# [What the task requires]
Please repeat the listing exactly, starting at its first line and stopping after the line that contains "200 x 250',$,$,$,$,$,'TRANSOM',.USERDEFINED.);".

# [Data provided]

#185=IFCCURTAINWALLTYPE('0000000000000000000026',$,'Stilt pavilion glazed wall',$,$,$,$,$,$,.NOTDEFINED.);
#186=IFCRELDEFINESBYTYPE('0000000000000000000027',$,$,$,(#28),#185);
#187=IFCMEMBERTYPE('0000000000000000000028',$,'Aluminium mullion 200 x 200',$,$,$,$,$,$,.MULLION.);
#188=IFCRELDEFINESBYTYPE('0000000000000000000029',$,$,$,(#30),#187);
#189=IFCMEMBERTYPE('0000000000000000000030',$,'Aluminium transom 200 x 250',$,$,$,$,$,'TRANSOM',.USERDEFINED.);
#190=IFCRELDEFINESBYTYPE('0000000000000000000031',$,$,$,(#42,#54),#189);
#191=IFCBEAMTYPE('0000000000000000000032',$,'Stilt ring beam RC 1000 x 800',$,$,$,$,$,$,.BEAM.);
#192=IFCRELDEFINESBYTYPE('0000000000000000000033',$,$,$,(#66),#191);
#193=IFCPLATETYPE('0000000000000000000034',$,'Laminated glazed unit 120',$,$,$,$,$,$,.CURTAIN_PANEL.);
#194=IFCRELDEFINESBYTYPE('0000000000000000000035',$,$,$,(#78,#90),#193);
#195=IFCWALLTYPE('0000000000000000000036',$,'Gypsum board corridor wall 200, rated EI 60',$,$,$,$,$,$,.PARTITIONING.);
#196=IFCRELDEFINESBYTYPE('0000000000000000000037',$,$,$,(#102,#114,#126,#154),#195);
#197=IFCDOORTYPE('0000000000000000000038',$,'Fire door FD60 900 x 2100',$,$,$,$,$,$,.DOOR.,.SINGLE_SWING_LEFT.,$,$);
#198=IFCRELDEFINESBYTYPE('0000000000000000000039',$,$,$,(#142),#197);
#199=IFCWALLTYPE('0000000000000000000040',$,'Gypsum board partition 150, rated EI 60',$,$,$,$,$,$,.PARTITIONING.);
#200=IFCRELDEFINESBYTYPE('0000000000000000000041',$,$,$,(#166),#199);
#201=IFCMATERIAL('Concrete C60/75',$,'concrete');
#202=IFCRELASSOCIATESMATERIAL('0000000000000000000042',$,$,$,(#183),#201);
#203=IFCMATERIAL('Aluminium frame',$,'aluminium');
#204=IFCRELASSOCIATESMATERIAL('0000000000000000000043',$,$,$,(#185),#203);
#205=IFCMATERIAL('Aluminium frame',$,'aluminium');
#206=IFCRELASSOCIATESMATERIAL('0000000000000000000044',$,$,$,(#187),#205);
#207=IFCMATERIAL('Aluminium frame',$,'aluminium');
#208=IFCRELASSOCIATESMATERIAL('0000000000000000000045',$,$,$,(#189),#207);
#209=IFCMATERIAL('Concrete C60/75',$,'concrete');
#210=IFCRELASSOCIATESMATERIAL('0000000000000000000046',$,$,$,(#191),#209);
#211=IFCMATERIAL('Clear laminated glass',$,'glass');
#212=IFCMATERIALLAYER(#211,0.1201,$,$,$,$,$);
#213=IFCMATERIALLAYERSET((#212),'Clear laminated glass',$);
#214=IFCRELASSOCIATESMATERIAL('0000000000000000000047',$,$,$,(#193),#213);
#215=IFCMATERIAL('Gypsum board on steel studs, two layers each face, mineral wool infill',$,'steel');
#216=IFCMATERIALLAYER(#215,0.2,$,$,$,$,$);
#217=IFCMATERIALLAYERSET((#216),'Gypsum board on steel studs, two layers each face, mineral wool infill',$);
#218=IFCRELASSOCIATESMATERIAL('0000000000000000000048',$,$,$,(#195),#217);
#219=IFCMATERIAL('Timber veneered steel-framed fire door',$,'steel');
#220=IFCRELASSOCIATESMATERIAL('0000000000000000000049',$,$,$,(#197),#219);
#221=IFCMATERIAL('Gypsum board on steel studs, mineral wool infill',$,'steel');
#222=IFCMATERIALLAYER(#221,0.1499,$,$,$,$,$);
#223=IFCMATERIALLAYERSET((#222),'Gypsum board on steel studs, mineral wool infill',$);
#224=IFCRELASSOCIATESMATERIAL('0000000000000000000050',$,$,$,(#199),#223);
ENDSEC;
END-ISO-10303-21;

# [Response box]
#185=IFCCURTAINWALLTYPE('0000000000000000000026',$,'Stilt pavilion glazed wall',$,$,$,$,$,$,.NOTDEFINED.);
#186=IFCRELDEFINESBYTYPE('0000000000000000000027',$,$,$,(#28),#185);
#187=IFCMEMBERTYPE('0000000000000000000028',$,'Aluminium mullion 200 x 200',$,$,$,$,$,$,.MULLION.);
#188=IFCRELDEFINESBYTYPE('0000000000000000000029',$,$,$,(#30),#187);
#189=IFCMEMBERTYPE('0000000000000000000030',$,'Aluminium transom 200 x 250',$,$,$,$,$,'TRANSOM',.USERDEFINED.);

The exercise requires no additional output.